- [Exercise] Copy nothing from the entries below except the lines from the one containing "podium primary girder',$,$,$,$,$,.T_BEAM.);" through the one containing "primary glulam girder',$,$,$,$,$,.BEAM.);", and copy those exactly.

[Collected data]
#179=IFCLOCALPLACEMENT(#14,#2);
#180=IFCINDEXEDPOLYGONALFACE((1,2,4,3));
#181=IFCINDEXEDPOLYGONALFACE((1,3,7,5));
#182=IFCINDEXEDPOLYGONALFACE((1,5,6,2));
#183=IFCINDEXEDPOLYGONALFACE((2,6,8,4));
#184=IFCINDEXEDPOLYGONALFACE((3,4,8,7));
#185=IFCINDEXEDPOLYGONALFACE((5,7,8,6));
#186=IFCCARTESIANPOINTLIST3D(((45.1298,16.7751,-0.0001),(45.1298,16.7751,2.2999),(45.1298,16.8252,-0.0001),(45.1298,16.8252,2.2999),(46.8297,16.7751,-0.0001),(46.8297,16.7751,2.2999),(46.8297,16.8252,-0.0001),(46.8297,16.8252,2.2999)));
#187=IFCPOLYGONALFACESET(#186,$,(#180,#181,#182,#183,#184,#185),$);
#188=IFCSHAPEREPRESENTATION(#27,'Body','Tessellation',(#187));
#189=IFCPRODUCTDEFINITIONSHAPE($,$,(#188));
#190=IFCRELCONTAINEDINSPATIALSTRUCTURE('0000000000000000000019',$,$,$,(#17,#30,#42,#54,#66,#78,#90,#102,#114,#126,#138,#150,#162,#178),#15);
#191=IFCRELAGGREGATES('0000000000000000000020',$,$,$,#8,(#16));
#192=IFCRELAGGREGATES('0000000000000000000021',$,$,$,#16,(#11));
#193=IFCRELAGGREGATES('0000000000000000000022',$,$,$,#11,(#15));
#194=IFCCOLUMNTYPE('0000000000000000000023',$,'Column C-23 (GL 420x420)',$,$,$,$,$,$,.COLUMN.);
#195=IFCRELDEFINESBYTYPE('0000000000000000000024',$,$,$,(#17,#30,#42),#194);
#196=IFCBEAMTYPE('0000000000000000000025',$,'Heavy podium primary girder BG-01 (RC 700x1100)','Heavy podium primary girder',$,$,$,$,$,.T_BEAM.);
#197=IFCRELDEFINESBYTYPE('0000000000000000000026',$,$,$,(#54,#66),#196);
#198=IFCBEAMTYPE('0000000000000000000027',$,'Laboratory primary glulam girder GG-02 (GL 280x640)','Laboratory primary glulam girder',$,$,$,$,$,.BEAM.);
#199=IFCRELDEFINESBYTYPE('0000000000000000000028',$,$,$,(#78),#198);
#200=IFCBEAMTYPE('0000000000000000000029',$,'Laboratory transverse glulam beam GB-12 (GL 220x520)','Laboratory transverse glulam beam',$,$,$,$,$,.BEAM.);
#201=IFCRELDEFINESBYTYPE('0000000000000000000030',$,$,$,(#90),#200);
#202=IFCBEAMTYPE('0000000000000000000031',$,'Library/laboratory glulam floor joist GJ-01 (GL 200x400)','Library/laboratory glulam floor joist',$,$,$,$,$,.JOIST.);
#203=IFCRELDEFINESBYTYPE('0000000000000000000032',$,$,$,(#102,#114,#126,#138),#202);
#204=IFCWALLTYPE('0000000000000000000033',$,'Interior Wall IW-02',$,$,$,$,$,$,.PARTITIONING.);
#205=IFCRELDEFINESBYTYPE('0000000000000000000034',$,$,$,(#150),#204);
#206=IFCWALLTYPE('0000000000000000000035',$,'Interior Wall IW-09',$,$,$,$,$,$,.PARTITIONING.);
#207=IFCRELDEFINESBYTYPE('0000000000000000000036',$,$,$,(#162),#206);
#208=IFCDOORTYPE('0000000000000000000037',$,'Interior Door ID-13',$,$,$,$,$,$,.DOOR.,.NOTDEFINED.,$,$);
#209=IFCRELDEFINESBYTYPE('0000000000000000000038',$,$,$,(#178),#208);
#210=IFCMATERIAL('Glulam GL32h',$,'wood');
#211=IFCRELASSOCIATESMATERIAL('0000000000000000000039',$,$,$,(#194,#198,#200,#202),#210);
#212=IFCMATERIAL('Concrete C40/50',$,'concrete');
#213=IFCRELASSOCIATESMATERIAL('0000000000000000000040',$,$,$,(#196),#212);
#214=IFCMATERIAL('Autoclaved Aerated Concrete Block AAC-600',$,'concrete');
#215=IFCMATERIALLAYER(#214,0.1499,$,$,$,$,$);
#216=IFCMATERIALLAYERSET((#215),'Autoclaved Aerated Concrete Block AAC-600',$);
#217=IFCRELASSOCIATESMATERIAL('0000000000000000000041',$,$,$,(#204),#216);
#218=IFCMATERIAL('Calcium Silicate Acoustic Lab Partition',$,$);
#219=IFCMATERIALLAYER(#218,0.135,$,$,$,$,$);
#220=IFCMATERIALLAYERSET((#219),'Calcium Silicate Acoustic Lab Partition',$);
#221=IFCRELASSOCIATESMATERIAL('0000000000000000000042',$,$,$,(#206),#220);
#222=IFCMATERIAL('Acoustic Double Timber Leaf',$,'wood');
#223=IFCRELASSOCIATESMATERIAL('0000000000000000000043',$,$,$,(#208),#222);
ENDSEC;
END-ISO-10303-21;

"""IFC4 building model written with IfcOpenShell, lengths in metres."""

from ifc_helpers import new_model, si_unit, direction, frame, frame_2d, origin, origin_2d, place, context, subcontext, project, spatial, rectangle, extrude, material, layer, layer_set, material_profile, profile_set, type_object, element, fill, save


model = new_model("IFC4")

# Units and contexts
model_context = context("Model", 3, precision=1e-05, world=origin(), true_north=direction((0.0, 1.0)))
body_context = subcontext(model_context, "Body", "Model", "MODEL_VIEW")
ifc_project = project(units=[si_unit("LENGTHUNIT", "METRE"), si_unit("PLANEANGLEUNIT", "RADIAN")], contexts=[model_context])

- [Solution for this task]
#196=IFCBEAMTYPE('0000000000000000000025',$,'Heavy podium primary girder BG-01 (RC 700x1100)','Heavy podium primary girder',$,$,$,$,$,.T_BEAM.);
#197=IFCRELDEFINESBYTYPE('0000000000000000000026',$,$,$,(#54,#66),#196);
#198=IFCBEAMTYPE('0000000000000000000027',$,'Laboratory primary glulam girder GG-02 (GL 280x640)','Laboratory primary glulam girder',$,$,$,$,$,.BEAM.);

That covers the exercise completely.